What you need to do: Only one stretch of the data below is wanted: the lines from the one with "#26=IFCINDEXEDPOLYGONALFACE((2,6,8,4));" through the one with "#37=IFCINDEXEDPOLYGONALFACE((1,3,7,5));", repeated exactly.

[Stored data]
★ ★ ★ ★
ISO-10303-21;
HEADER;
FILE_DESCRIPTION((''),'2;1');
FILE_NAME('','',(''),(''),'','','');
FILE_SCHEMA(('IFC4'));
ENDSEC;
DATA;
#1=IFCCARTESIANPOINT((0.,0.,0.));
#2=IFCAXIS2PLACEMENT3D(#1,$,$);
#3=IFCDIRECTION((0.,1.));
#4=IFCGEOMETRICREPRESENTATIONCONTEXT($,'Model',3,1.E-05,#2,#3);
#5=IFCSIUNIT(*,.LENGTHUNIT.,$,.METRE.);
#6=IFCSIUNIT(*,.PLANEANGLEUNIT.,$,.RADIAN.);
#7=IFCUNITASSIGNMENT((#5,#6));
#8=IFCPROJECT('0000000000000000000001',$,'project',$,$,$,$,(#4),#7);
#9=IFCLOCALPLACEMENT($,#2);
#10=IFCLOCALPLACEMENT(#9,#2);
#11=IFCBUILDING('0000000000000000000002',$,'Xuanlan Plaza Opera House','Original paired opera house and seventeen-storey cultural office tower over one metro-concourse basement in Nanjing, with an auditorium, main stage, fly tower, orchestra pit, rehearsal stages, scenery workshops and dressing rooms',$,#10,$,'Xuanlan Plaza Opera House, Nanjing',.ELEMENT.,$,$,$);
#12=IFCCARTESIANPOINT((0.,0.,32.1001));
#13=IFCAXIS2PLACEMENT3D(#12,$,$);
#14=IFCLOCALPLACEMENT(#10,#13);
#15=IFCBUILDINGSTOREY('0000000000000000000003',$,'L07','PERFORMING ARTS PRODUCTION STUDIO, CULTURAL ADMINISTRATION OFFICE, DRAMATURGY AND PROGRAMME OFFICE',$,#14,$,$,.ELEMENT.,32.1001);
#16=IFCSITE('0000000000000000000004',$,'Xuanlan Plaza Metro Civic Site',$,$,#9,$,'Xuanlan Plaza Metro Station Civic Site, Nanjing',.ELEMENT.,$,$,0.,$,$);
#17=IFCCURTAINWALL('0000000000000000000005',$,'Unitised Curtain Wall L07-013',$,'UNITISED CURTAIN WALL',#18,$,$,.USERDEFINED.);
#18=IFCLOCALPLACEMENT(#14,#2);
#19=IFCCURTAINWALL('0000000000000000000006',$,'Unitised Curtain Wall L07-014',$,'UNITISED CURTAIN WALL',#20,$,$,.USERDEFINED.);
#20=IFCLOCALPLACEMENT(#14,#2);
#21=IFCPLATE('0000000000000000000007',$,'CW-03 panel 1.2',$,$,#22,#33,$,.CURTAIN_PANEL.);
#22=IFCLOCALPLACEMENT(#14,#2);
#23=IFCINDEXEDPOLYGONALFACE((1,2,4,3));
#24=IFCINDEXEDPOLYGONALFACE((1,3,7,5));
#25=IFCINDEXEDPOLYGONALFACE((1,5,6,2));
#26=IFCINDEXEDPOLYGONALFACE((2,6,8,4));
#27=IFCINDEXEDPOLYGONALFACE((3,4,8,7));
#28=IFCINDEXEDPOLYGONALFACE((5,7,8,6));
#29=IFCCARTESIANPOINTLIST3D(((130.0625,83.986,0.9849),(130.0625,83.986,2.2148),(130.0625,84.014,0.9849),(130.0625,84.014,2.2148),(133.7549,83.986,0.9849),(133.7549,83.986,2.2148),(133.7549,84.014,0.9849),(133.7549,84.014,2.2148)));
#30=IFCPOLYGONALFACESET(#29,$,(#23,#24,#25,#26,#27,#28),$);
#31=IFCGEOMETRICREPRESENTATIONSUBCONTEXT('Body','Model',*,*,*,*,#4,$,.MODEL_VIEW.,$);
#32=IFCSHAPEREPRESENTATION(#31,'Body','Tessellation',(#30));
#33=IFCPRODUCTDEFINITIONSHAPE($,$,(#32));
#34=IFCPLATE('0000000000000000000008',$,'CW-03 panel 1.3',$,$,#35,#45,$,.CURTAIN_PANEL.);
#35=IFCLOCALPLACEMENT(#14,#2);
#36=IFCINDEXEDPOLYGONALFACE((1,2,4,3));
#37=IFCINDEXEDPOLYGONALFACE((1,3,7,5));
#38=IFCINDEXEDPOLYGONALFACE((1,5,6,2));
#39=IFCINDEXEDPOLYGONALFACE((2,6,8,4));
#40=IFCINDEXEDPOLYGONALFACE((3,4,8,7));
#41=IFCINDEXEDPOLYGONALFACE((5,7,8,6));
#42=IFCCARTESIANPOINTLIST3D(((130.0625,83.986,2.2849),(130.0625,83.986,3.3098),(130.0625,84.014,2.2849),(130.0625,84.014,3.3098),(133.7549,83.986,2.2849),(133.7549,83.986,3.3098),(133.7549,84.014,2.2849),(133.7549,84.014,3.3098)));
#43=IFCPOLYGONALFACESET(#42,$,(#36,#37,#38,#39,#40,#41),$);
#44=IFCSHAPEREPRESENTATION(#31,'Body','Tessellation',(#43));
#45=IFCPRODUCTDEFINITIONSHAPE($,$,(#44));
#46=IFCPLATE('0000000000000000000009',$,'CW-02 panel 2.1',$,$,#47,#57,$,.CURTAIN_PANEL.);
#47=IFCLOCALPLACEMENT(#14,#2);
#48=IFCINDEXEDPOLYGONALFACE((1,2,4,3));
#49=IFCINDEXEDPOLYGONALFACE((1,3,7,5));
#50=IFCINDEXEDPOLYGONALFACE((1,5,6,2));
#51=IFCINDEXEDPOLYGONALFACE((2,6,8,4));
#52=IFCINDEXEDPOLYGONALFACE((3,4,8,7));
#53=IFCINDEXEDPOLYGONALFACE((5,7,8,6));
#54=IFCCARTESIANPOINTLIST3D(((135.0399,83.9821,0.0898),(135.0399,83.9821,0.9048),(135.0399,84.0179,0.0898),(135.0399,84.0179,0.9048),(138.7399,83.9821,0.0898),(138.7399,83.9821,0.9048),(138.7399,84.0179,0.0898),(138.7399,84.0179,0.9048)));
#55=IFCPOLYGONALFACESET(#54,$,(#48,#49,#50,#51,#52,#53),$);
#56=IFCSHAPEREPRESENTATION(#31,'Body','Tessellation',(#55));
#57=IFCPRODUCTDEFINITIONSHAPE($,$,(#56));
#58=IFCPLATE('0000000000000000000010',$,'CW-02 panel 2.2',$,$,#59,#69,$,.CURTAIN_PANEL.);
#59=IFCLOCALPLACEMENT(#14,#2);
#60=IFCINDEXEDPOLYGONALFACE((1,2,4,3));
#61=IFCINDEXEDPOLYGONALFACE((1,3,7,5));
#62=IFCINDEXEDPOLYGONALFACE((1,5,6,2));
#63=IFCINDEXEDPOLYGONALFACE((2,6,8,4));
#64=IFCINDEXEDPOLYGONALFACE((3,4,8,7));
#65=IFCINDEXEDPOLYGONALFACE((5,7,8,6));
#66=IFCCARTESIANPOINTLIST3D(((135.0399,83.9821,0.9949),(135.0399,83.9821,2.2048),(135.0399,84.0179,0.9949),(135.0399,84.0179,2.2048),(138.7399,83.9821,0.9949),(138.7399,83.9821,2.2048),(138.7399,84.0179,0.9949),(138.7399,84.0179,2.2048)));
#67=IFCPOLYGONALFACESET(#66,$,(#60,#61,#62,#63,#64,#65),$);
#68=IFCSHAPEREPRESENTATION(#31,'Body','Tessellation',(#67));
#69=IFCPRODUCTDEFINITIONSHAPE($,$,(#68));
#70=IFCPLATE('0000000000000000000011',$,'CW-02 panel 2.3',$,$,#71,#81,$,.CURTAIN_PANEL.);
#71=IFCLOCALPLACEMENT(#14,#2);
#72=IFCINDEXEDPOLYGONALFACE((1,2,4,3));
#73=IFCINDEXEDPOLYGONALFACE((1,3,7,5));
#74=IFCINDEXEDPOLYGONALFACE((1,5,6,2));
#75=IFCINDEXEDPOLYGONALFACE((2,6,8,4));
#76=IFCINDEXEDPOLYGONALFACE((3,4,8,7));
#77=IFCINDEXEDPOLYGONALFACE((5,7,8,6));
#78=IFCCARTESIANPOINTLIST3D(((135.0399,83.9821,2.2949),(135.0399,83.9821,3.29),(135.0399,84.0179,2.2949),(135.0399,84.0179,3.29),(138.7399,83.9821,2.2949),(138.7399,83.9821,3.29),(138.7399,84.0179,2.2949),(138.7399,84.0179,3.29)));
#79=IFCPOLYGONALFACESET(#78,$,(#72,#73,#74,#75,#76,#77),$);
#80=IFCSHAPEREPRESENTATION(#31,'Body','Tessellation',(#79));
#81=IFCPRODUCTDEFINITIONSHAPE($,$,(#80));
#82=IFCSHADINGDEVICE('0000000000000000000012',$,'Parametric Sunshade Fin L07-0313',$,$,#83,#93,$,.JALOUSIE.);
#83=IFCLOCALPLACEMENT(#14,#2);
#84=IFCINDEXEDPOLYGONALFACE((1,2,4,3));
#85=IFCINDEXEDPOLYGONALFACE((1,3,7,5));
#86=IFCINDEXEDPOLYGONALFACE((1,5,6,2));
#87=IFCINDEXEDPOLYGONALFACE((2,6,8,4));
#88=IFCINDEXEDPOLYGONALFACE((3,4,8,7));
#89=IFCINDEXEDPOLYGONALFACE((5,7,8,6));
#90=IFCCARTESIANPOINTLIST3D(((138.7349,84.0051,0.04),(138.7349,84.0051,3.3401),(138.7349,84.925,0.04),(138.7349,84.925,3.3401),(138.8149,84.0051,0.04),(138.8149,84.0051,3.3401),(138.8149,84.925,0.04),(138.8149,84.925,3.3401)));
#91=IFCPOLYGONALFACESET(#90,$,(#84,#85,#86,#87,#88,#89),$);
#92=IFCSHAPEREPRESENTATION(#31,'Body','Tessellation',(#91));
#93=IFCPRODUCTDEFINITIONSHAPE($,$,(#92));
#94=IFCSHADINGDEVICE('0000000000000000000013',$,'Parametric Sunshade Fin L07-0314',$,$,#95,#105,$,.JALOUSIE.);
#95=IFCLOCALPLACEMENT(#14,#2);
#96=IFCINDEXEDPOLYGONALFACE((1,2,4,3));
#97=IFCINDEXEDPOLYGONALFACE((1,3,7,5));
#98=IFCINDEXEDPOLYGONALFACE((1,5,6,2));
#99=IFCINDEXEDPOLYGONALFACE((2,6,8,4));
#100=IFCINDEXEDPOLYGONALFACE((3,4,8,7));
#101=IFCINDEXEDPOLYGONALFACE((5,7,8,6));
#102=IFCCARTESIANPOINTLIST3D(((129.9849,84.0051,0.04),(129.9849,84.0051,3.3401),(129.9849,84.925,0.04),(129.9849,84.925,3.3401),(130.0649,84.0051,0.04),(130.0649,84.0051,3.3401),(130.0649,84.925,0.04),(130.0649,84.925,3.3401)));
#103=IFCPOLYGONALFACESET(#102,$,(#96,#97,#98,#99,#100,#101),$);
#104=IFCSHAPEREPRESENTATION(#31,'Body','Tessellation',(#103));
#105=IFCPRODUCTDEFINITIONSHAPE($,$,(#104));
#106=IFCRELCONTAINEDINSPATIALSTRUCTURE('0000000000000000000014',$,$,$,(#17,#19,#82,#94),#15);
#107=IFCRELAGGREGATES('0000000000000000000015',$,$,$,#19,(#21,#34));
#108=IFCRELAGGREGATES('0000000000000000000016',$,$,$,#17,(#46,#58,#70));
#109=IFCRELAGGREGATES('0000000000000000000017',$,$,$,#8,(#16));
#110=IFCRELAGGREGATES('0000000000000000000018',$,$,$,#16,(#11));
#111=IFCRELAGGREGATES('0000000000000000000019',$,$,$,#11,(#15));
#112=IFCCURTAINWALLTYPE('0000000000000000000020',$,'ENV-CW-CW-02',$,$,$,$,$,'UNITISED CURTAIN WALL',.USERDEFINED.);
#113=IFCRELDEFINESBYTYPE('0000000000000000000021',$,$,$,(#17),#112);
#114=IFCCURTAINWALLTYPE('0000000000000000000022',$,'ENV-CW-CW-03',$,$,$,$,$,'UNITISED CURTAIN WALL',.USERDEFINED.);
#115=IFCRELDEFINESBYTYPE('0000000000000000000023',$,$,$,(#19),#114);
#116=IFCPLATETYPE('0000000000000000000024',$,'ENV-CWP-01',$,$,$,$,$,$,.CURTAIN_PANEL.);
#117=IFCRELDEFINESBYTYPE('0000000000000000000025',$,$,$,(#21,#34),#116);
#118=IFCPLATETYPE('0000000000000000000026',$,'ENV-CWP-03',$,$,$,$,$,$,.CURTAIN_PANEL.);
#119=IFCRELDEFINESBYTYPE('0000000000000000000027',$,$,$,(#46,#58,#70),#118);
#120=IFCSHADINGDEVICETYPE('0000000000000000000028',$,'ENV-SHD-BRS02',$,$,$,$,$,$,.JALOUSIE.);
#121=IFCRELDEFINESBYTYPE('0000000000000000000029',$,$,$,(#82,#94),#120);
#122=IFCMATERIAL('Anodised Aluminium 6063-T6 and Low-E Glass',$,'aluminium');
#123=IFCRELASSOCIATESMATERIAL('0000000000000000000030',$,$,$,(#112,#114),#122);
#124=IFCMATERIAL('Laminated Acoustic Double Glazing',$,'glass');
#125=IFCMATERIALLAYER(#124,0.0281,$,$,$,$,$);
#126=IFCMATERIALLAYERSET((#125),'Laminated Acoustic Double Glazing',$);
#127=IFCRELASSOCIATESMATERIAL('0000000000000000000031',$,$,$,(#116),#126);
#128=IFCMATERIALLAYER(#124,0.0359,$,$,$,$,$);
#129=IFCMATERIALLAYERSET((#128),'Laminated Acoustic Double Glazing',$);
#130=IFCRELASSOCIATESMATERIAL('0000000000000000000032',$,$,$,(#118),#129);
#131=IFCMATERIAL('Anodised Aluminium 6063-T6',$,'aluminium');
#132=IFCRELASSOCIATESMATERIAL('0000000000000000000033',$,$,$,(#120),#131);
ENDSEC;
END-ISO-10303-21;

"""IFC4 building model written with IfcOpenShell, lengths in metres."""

from ifc_helpers import new_model, si_unit, direction, frame, origin, origin_2d, place, context, subcontext, project, spatial, rectangle, extrude, material, layer, layer_set, type_object, element, aggregate, save


model = new_model("IFC4")

# Units and contexts
model_context = context("Model", 3, precision=1e-05, world=origin(), true_north=direction((0.0, 1.0)))
body_context = subcontext(model_context, "Body", "Model", "MODEL_VIEW")
ifc_project = project(units=[si_unit("LENGTHUNIT", "METRE"), si_unit("PLANEANGLEUNIT", "RADIAN")], contexts=[model_context])

# Site, building, storey
site_placement = place(None, origin())
site = spatial("IfcSite", under=ifc_project, at=site_placement, Name="Xuanlan Plaza Metro Civic Site", LongName="Xuanlan Plaza Metro Station Civic Site, Nanjing", CompositionType="ELEMENT", RefElevation=0.0)
building_placement = place(site_placement, origin())
building = spatial("IfcBuilding", under=site, at=building_placement, Name="Xuanlan Plaza Opera House", Description="Original paired opera house and seventeen-storey cultural office tower over one metro-concourse basement in Nanjing, with an auditorium, main stage, fly tower, orchestra pit, rehearsal stages, scenery workshops and dressing rooms", LongName="Xuanlan Plaza Opera House, Nanjing", CompositionType="ELEMENT")
storey_placement = place(building_placement, frame((0.0, 0.0, 32.1001)))
storey = spatial("IfcBuildingStorey", under=building, at=storey_placement, Name="L07", Description="PERFORMING ARTS PRODUCTION STUDIO, CULTURAL ADMINISTRATION OFFICE, DRAMATURGY AND PROGRAMME OFFICE", CompositionType="ELEMENT", Elevation=32.1001)

# Curtain walls
ifc_material_1 = material(Name="Anodised Aluminium 6063-T6 and Low-E Glass", Category="aluminium")
curtain_wall_type_1 = type_object("IfcCurtainWallType", Name="ENV-CW-CW-02", ElementType="UNITISED CURTAIN WALL", PredefinedType="USERDEFINED", material=ifc_material_1)
curtain_wall_1_placement = place(storey_placement, origin())
curtain_wall_1 = element("IfcCurtainWall", 1, at=curtain_wall_1_placement, inside=storey, type_object=curtain_wall_type_1, Name="Unitised Curtain Wall L07-013", ObjectType="UNITISED CURTAIN WALL", PredefinedType="USERDEFINED")
ifc_material_2 = material(Name="Anodised Aluminium 6063-T6", Category="aluminium")
curtain_wall_type_2 = type_object("IfcCurtainWallType", Name="ENV-CW-CW-03", ElementType="UNITISED CURTAIN WALL", PredefinedType="USERDEFINED", material=ifc_material_1)
curtain_wall_2_placement = place(storey_placement, origin())
curtain_wall_2 = element("IfcCurtainWall", 2, at=curtain_wall_2_placement, inside=storey, type_object=curtain_wall_type_2, Name="Unitised Curtain Wall L07-014", ObjectType="UNITISED CURTAIN WALL", PredefinedType="USERDEFINED")

# Plates
ifc_material_3 = material(Name="Laminated Acoustic Double Glazing", Category="glass")
ifc_layer_1 = layer(ifc_material_3, 0.0281)
ifc_layer_set_1 = layer_set([ifc_layer_1], Name="Laminated Acoustic Double Glazing")
plate_type_1 = type_object("IfcPlateType", Name="ENV-CWP-01", PredefinedType="CURTAIN_PANEL", material=ifc_layer_set_1)
plate_1_placement = place(storey_placement, frame((131.9087, 84.0, 0.9849), z_axis=(0.0, 0.0, 1.0), x_axis=(-1.0, 0.0, 0.0)))
plate_1 = element("IfcPlate", 3, at=plate_1_placement, type_object=plate_type_1, Name="CW-03 panel 1.2", PredefinedType="CURTAIN_PANEL", context=body_context, shape_type="SweptSolid", body=[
★ ★ ★ ★
Solution for this exercise:
#26=IFCINDEXEDPOLYGONALFACE((2,6,8,4));
#27=IFCINDEXEDPOLYGONALFACE((3,4,8,7));
#28=IFCINDEXEDPOLYGONALFACE((5,7,8,6));
#29=IFCCARTESIANPOINTLIST3D(((130.0625,83.986,0.9849),(130.0625,83.986,2.2148),(130.0625,84.014,0.9849),(130.0625,84.014,2.2148),(133.7549,83.986,0.9849),(133.7549,83.986,2.2148),(133.7549,84.014,0.9849),(133.7549,84.014,2.2148)));
#30=IFCPOLYGONALFACESET(#29,$,(#23,#24,#25,#26,#27,#28),$);
#31=IFCGEOMETRICREPRESENTATIONSUBCONTEXT('Body','Model',*,*,*,*,#4,$,.MODEL_VIEW.,$);
#32=IFCSHAPEREPRESENTATION(#31,'Body','Tessellation',(#30));
#33=IFCPRODUCTDEFINITIONSHAPE($,$,(#32));
#34=IFCPLATE('0000000000000000000008',$,'CW-03 panel 1.3',$,$,#35,#45,$,.CURTAIN_PANEL.);
#35=IFCLOCALPLACEMENT(#14,#2);
#36=IFCINDEXEDPOLYGONALFACE((1,2,4,3));
#37=IFCINDEXEDPOLYGONALFACE((1,3,7,5));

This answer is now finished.